DATA TO PROCESS:
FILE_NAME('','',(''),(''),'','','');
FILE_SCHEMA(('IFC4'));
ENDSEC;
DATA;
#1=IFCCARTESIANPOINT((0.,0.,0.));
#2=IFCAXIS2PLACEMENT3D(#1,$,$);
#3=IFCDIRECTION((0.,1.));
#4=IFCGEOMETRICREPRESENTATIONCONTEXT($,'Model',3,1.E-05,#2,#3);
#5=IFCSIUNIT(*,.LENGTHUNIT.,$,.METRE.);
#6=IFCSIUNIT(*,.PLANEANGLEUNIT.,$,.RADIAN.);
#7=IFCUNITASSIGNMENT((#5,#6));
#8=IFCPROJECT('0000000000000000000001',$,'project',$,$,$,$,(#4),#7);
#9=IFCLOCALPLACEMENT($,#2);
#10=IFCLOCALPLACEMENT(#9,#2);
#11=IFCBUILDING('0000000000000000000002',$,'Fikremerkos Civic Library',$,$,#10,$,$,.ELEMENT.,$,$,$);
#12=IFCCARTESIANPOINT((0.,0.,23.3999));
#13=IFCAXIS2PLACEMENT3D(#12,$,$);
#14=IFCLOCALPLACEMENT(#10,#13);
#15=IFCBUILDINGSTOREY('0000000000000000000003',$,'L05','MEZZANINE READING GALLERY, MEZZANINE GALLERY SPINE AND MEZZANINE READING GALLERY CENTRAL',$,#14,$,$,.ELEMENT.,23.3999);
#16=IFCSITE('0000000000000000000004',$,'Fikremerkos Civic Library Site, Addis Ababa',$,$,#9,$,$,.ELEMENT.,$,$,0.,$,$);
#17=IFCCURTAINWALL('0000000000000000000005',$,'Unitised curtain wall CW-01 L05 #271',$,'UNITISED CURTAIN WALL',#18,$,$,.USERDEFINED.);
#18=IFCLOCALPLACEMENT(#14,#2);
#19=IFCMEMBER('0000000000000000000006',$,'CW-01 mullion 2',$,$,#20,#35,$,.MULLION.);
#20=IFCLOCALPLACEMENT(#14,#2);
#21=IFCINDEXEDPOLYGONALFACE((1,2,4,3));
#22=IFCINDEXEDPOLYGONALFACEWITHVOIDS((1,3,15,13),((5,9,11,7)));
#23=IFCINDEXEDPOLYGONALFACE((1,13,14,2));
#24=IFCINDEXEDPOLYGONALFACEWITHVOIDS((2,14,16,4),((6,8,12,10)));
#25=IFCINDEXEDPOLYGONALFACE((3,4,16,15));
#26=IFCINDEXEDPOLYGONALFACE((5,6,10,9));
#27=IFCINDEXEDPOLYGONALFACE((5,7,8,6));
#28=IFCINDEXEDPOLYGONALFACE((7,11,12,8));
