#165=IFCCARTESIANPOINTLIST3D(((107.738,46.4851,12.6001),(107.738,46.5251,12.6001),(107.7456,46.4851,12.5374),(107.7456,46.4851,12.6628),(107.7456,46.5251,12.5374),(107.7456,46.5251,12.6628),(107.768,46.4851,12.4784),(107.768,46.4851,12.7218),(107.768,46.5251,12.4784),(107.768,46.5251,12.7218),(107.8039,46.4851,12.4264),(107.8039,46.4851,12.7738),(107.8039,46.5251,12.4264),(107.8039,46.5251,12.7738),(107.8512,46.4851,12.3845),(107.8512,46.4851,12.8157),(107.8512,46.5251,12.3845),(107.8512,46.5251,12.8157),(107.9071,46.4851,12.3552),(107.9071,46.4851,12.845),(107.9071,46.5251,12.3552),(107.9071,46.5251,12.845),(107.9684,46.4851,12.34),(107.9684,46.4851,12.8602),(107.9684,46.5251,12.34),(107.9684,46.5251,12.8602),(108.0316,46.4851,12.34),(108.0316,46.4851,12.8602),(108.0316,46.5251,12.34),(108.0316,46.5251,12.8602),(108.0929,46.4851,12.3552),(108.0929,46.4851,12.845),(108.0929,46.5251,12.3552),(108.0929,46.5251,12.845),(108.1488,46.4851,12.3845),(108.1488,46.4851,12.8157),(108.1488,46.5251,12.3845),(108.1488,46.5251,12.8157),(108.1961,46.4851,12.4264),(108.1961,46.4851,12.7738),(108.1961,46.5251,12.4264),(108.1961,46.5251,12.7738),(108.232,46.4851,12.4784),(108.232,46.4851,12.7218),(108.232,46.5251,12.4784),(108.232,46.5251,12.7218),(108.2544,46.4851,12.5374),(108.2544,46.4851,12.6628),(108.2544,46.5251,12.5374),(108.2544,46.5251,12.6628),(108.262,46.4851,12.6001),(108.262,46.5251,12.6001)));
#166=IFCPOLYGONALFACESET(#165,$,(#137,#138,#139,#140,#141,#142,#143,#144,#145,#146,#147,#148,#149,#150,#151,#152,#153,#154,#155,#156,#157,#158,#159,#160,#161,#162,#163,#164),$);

WHAT THIS TASK INVOLVES:
Begin at the first line of the records above and quote every line verbatim through the one that contains "#10=IFCLOCALPLACEMENT(#9,#2);".

FINISHED TASK:
FILE_NAME('','',(''),(''),'','','');
FILE_SCHEMA(('IFC4'));
ENDSEC;
DATA;
#1=IFCCARTESIANPOINT((0.,0.,0.));
#2=IFCAXIS2PLACEMENT3D(#1,$,$);
#3=IFCDIRECTION((0.,1.));
#4=IFCGEOMETRICREPRESENTATIONCONTEXT($,'Model',3,1.E-05,#2,#3);
#5=IFCSIUNIT(*,.LENGTHUNIT.,$,.METRE.);
#6=IFCSIUNIT(*,.PLANEANGLEUNIT.,$,.RADIAN.);
#7=IFCUNITASSIGNMENT((#5,#6));
#8=IFCPROJECT('0000000000000000000001',$,'project',$,$,$,$,(#4),#7);
#9=IFCLOCALPLACEMENT($,#2);
#10=IFCLOCALPLACEMENT(#9,#2);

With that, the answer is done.